● **Task details**
Scan the entries below, and for each line that includes the word "frame", make a copy.

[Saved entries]
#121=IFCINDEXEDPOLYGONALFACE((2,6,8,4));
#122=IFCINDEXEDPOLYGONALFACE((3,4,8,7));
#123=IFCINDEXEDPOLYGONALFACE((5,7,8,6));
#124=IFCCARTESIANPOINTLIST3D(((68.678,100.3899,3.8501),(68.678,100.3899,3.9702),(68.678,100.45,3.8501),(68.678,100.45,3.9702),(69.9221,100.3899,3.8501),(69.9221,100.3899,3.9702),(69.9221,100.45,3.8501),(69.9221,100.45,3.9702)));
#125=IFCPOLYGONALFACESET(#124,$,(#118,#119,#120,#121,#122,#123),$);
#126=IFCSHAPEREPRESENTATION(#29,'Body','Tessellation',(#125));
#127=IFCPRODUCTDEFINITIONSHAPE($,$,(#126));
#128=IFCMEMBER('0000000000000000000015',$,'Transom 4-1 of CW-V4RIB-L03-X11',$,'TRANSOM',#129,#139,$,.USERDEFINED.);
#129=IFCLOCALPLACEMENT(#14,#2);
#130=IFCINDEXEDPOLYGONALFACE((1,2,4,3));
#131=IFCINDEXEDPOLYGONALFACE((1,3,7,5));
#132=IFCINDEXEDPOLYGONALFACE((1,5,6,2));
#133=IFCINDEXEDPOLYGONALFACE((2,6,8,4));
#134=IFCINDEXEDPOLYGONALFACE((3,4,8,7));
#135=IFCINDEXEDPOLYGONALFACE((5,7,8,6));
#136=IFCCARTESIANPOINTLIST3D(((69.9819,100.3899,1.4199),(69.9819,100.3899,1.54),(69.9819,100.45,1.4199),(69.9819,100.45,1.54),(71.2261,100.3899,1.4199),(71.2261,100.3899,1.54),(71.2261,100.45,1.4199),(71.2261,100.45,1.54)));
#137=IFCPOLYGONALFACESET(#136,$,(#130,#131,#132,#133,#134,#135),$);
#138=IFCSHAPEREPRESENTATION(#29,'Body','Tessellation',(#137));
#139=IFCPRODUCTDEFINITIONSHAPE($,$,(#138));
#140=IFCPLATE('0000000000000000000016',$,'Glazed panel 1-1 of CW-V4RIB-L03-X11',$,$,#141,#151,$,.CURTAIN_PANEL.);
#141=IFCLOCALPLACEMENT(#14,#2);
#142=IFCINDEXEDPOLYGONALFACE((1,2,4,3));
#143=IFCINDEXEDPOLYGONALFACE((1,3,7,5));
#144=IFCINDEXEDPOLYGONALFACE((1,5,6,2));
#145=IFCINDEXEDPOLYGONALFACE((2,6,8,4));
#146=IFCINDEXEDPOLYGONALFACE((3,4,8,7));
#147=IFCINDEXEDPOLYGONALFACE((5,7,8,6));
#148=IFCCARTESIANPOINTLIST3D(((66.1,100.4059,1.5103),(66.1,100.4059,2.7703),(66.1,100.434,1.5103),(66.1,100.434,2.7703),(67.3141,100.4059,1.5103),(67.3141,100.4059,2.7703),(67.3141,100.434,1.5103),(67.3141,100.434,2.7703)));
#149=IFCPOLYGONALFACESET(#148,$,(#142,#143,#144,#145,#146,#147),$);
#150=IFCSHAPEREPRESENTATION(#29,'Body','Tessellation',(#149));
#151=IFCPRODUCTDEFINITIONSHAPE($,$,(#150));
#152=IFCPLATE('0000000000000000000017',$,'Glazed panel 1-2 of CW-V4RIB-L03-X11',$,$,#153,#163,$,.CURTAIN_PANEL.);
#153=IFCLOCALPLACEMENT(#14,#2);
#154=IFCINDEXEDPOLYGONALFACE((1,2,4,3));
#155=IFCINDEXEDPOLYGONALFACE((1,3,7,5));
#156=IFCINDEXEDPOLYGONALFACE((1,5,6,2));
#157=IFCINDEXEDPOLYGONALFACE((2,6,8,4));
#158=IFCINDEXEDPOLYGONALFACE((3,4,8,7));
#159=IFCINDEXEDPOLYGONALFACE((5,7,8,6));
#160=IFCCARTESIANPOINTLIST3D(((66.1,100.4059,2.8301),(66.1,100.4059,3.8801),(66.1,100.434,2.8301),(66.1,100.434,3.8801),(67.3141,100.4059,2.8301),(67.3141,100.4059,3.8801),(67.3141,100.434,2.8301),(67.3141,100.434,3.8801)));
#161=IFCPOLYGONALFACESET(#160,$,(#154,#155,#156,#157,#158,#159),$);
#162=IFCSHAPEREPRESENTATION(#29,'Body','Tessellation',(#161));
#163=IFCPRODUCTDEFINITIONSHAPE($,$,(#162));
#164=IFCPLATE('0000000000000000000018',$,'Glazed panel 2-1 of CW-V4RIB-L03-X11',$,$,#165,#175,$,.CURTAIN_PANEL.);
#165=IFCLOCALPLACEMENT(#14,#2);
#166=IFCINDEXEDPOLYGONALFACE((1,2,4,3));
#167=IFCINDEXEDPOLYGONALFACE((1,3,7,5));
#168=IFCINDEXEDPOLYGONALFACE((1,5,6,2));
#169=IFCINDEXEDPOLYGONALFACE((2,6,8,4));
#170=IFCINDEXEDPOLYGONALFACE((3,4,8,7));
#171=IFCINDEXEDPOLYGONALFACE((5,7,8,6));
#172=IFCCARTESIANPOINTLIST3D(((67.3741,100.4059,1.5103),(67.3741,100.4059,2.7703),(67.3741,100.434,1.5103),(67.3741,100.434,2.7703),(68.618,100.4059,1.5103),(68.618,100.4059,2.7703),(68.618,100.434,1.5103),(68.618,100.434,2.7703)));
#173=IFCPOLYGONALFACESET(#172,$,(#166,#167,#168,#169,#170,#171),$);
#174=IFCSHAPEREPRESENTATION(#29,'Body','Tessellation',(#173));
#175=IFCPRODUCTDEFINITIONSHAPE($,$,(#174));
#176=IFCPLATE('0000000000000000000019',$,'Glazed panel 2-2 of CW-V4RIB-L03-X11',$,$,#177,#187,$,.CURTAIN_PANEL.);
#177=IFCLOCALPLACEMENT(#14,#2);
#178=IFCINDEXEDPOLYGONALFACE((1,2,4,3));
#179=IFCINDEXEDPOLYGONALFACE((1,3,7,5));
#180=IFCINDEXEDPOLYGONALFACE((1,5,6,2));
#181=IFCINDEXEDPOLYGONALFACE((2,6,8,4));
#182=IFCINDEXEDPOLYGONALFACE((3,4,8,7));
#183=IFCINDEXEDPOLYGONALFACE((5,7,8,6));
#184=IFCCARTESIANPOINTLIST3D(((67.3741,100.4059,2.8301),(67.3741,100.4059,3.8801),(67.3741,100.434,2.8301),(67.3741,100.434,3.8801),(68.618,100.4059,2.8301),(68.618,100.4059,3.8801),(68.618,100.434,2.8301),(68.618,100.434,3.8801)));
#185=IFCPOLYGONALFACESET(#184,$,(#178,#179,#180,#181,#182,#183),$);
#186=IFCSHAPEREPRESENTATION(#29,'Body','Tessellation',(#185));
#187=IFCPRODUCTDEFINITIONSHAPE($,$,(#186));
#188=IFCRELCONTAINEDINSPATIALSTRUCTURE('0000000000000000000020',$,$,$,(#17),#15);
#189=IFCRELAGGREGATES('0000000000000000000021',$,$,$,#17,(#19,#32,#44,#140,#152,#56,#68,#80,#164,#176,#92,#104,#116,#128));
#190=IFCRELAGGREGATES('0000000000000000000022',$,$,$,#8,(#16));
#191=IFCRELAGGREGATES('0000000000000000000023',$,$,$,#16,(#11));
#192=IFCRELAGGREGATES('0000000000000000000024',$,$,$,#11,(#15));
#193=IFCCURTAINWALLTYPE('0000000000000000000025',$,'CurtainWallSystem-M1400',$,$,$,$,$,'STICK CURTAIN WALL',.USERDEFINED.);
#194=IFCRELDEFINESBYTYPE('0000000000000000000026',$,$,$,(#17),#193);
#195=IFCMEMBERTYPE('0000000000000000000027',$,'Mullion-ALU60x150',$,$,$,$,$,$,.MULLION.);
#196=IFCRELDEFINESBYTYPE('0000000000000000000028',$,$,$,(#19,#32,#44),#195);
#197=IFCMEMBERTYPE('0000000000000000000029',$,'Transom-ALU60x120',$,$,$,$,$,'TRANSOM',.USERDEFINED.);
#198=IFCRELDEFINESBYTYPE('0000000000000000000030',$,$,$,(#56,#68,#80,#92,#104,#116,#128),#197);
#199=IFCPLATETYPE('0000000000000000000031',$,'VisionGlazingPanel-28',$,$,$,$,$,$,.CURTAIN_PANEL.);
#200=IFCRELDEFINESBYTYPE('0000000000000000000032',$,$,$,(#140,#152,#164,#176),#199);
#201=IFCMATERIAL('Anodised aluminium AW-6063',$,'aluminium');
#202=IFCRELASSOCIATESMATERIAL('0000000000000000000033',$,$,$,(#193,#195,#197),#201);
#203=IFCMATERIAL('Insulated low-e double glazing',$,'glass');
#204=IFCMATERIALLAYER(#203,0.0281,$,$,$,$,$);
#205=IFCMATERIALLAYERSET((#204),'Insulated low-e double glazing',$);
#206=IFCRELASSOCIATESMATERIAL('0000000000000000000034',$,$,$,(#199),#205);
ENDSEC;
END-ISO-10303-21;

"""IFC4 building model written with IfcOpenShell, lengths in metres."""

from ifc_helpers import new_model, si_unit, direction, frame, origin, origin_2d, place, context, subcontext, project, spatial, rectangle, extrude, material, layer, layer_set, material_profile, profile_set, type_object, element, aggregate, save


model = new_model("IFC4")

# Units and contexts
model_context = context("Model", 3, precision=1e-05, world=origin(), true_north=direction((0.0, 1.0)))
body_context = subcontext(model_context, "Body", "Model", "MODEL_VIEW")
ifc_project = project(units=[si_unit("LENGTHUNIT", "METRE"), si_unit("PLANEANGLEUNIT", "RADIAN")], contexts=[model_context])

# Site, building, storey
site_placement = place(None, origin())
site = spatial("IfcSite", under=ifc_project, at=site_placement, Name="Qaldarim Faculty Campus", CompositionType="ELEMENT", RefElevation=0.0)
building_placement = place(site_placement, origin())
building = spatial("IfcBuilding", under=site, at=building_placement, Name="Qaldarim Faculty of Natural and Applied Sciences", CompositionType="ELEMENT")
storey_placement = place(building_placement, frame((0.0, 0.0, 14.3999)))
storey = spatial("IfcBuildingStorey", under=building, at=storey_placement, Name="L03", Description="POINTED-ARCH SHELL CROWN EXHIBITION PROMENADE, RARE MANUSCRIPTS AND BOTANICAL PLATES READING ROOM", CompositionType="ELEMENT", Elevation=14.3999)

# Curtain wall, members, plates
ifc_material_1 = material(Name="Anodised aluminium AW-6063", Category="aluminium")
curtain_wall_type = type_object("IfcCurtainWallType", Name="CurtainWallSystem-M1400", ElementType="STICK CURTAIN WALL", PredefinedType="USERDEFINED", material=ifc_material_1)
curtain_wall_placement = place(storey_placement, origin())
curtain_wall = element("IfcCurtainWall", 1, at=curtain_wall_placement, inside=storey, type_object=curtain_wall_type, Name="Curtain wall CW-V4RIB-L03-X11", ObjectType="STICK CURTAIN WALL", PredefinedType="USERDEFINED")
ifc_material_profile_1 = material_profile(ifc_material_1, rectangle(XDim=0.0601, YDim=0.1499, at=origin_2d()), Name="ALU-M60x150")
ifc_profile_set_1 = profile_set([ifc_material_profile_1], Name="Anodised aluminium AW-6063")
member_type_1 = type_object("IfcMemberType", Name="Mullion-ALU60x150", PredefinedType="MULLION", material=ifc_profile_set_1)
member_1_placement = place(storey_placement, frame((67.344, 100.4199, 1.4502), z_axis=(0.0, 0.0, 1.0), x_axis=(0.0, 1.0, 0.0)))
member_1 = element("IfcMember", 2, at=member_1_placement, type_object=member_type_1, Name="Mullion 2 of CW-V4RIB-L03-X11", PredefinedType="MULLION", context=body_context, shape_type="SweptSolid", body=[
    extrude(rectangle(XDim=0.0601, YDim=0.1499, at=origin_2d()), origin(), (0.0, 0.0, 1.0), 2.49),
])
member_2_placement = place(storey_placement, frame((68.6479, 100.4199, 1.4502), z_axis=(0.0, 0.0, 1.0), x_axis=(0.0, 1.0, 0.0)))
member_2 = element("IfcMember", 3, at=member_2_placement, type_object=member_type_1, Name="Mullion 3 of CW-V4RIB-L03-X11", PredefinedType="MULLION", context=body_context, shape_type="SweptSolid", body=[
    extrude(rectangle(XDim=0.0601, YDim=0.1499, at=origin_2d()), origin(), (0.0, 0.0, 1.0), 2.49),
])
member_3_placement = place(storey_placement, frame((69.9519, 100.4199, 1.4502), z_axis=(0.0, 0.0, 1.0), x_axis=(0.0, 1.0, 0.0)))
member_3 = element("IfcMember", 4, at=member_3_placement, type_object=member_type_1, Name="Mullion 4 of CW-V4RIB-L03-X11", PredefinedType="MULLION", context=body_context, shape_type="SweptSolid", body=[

● **Response area**
from ifc_helpers import new_model, si_unit, direction, frame, origin, origin_2d, place, context, subcontext, project, spatial, rectangle, extrude, material, layer, layer_set, material_profile, profile_set, type_object, element, aggregate, save
storey_placement = place(building_placement, frame((0.0, 0.0, 14.3999)))
member_1_placement = place(storey_placement, frame((67.344, 100.4199, 1.4502), z_axis=(0.0, 0.0, 1.0), x_axis=(0.0, 1.0, 0.0)))
member_2_placement = place(storey_placement, frame((68.6479, 100.4199, 1.4502), z_axis=(0.0, 0.0, 1.0), x_axis=(0.0, 1.0, 0.0)))
member_3_placement = place(storey_placement, frame((69.9519, 100.4199, 1.4502), z_axis=(0.0, 0.0, 1.0), x_axis=(0.0, 1.0, 0.0)))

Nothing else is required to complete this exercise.